Your assignment. Which lines in the data below contain the word "DOOR"? Pull each of them out.

The input.
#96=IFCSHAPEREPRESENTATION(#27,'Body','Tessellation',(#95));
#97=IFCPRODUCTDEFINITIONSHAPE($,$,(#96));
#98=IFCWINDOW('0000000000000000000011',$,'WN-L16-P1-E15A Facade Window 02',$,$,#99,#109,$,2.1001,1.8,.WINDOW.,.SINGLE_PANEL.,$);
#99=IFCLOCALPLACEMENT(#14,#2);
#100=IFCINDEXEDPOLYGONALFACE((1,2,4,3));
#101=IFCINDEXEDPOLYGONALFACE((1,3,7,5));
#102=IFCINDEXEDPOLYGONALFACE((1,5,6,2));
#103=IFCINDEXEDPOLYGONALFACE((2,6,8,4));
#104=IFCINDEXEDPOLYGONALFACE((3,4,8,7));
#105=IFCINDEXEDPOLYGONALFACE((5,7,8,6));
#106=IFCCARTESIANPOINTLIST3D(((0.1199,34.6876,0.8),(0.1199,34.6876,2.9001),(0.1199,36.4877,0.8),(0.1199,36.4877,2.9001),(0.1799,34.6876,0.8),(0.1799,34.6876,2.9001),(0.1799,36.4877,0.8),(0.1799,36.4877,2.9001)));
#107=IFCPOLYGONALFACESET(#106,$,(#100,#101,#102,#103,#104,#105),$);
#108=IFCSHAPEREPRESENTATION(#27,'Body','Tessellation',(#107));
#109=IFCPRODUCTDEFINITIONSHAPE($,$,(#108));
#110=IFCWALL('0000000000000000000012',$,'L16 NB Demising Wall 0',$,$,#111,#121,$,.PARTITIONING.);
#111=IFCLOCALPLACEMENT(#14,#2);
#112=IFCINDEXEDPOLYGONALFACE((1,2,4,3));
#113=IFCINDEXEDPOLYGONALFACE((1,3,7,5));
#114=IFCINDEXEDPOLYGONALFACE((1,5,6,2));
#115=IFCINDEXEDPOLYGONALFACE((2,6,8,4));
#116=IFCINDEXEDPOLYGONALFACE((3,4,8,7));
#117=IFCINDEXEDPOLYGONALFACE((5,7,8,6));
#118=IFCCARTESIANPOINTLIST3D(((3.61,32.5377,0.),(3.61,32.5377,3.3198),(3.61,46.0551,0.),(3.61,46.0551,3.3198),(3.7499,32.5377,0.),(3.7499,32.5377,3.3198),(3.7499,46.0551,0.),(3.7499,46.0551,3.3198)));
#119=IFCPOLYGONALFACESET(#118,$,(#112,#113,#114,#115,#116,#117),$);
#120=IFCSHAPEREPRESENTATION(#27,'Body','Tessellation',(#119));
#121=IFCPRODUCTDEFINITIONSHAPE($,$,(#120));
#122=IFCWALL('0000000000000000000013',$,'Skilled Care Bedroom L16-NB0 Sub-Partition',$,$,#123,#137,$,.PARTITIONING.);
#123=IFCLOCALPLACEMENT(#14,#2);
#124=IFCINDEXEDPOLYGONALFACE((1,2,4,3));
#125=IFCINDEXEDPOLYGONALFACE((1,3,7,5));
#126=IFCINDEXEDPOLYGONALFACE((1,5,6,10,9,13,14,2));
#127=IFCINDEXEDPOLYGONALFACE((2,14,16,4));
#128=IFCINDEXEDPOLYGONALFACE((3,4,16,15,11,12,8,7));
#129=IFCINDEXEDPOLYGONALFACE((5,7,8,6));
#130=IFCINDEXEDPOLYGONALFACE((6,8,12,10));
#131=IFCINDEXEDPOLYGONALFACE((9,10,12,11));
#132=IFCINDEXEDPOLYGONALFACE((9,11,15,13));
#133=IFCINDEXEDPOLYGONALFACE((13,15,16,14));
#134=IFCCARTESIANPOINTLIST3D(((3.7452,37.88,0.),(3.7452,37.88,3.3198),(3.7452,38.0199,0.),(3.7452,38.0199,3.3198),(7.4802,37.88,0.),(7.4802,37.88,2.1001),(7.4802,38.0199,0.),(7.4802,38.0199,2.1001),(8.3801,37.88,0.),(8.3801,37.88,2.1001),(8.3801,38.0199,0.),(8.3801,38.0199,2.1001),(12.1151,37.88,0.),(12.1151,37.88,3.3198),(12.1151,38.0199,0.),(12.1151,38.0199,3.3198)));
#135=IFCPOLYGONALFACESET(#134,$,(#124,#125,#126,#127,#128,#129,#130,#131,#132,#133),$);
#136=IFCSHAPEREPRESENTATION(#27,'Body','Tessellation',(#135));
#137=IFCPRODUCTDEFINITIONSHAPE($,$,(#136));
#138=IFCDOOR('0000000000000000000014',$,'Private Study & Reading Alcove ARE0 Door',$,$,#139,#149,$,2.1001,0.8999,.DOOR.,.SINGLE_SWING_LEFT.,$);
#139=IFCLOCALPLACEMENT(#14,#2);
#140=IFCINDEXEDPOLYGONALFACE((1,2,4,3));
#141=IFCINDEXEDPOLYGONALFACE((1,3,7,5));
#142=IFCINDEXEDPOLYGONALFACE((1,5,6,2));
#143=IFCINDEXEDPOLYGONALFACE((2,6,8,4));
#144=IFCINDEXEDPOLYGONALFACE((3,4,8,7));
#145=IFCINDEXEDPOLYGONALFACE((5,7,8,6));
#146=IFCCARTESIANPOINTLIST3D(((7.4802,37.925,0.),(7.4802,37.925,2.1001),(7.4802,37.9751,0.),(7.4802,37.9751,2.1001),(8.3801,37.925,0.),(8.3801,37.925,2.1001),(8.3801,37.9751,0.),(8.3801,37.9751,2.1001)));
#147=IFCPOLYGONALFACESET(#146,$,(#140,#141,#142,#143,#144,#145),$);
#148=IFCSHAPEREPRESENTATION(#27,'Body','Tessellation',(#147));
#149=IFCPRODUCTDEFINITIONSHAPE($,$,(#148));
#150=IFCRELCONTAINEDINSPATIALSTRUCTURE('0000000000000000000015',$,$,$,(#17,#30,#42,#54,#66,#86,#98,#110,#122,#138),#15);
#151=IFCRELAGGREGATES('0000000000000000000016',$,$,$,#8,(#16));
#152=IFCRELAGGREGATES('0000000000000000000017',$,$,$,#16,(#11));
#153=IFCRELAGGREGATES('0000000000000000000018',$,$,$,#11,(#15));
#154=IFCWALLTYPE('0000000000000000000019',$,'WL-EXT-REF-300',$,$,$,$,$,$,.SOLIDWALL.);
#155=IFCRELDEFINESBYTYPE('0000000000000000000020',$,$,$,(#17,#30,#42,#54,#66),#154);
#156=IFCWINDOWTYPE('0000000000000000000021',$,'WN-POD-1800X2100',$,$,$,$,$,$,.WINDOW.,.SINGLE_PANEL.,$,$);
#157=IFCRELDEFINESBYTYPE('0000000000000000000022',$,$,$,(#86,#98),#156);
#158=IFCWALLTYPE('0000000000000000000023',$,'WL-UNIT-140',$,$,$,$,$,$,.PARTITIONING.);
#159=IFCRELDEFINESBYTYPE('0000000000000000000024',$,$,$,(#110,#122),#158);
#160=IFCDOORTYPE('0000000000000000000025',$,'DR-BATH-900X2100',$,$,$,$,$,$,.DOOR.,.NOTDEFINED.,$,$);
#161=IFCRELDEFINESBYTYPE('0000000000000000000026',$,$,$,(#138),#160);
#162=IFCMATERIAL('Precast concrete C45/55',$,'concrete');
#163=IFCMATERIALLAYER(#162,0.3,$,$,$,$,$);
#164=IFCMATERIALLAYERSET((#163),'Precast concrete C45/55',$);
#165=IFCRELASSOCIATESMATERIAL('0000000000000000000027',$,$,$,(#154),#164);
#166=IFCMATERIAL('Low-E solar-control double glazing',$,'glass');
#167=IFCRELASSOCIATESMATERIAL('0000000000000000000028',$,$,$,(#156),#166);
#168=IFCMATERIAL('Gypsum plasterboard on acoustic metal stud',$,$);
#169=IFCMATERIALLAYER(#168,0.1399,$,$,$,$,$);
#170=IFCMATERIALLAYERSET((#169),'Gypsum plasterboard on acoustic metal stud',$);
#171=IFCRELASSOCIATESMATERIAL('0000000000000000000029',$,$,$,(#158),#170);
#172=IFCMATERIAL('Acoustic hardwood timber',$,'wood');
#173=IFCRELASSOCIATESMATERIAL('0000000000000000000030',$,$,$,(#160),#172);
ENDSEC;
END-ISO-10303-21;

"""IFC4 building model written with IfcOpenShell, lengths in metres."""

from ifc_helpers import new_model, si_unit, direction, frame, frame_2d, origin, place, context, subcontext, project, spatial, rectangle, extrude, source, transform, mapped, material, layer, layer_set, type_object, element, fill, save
---
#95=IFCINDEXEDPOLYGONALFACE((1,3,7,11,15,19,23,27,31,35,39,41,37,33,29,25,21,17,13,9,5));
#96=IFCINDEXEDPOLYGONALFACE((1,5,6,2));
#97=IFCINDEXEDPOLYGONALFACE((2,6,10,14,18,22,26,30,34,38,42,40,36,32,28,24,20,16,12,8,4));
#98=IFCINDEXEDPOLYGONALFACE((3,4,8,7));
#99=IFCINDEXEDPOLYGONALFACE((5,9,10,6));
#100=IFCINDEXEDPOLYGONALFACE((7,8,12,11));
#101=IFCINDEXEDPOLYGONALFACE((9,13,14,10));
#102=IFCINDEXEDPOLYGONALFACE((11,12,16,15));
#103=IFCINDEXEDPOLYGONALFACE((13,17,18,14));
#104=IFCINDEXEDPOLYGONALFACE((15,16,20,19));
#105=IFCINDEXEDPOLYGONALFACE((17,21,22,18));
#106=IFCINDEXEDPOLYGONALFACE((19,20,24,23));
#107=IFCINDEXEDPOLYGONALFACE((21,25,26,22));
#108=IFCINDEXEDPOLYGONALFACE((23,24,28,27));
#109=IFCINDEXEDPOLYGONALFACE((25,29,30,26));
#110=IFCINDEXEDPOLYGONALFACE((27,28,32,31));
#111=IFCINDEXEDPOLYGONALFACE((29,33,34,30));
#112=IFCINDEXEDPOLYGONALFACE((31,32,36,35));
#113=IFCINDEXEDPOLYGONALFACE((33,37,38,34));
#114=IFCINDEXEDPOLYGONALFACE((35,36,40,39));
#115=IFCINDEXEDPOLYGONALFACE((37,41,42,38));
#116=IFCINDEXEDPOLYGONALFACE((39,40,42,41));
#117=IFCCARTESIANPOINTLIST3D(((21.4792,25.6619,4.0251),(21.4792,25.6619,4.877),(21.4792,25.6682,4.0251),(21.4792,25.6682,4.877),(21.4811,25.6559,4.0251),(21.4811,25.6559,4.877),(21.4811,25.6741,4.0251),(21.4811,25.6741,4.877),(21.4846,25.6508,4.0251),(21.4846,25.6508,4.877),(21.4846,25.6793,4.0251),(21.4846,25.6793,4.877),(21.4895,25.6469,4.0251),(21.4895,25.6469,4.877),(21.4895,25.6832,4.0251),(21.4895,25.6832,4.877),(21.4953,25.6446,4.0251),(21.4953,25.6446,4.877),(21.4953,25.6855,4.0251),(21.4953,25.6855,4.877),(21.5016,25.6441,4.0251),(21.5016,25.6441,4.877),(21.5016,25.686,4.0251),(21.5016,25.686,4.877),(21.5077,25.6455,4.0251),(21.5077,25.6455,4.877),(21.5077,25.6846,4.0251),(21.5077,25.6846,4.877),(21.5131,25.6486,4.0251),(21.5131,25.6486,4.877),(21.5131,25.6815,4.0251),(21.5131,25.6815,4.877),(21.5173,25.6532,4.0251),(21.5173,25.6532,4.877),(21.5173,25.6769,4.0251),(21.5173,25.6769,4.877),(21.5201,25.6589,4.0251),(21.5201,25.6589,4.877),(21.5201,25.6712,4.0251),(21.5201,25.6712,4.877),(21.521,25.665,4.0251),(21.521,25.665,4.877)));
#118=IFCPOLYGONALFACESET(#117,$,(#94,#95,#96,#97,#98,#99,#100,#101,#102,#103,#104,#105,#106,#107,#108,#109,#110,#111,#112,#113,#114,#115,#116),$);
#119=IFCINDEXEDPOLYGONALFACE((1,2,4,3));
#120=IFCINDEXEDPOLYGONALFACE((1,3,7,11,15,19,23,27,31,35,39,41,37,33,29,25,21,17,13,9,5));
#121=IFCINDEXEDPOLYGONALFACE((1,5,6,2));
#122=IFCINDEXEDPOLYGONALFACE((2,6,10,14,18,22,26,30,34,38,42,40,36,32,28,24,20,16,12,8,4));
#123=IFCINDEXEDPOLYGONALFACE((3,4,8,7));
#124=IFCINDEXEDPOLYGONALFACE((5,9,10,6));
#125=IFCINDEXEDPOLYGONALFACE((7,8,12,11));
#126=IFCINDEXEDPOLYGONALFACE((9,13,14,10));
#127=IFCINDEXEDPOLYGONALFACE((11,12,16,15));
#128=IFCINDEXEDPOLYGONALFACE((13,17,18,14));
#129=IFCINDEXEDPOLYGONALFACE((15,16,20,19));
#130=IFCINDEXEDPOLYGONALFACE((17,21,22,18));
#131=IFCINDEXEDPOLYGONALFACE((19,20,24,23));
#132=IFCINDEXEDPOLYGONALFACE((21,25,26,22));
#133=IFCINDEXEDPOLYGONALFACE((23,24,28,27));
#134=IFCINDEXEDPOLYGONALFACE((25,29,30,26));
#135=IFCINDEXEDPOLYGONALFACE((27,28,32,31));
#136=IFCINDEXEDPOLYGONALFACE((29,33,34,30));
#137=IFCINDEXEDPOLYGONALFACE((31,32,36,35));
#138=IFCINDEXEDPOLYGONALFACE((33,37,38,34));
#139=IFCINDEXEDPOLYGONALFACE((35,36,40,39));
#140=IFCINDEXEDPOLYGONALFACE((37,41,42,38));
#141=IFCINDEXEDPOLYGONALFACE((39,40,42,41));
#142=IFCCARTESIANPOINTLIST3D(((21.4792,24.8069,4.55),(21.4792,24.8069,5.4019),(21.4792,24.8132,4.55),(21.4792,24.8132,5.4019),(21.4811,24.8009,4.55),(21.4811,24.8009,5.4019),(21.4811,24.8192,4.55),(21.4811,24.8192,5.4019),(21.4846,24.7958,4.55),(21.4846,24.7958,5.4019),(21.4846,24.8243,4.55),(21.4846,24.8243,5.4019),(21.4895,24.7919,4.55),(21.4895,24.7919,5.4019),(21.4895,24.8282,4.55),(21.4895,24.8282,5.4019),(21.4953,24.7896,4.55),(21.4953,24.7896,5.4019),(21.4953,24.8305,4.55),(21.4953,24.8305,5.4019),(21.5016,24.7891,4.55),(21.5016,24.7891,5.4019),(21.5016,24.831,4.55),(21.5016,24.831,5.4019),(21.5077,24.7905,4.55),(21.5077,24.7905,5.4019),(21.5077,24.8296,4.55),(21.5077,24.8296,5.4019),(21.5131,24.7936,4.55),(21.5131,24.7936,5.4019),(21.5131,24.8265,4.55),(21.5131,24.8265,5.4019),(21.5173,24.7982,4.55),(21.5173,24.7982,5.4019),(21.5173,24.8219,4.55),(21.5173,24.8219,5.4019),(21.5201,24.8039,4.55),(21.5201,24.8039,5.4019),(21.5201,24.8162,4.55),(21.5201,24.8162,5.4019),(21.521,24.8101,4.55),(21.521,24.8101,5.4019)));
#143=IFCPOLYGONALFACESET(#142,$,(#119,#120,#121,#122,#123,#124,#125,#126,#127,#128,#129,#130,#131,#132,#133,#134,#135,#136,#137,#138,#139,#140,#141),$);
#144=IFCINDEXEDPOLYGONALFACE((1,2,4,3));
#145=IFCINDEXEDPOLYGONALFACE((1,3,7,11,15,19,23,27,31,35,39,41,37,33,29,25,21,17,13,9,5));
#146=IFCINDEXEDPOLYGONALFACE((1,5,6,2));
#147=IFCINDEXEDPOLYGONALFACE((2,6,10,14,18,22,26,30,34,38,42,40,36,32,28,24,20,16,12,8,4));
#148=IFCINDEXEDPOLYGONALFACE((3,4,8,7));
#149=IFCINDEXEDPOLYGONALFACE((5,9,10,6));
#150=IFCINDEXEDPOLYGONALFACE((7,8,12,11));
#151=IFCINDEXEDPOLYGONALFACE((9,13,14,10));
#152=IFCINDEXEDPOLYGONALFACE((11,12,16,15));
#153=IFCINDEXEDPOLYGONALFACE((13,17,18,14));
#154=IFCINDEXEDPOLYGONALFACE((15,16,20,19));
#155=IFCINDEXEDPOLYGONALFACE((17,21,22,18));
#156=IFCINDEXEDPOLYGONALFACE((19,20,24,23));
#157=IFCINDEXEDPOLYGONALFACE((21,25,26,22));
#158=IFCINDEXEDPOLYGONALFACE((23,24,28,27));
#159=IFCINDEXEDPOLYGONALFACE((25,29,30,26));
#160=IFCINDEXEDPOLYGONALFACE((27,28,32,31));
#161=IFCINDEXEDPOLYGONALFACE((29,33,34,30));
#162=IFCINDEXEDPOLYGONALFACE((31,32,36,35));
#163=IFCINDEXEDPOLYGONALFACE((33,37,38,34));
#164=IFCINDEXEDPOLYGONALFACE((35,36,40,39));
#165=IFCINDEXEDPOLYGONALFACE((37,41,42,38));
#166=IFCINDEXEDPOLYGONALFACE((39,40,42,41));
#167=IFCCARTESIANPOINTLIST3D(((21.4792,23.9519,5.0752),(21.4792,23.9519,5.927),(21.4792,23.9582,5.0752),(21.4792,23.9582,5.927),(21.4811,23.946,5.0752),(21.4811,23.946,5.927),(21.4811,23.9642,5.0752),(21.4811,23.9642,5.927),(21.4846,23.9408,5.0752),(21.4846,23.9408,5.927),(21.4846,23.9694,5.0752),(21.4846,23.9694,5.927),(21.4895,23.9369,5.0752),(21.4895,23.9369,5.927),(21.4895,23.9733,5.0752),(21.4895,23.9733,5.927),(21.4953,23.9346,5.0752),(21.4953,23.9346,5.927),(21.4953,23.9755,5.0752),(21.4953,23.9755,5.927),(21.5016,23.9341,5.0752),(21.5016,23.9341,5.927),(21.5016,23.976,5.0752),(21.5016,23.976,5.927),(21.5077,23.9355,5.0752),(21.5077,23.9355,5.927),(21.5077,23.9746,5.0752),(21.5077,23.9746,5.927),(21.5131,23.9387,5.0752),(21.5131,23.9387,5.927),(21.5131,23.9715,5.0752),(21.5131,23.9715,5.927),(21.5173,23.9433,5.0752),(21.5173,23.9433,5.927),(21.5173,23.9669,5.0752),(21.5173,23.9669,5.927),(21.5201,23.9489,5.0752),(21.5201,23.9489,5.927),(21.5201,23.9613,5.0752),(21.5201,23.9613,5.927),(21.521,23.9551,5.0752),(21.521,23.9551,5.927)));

Answer to the problem.
#138=IFCDOOR('0000000000000000000014',$,'Private Study & Reading Alcove ARE0 Door',$,$,#139,#149,$,2.1001,0.8999,.DOOR.,.SINGLE_SWING_LEFT.,$);
#160=IFCDOORTYPE('0000000000000000000025',$,'DR-BATH-900X2100',$,$,$,$,$,$,.DOOR.,.NOTDEFINED.,$,$);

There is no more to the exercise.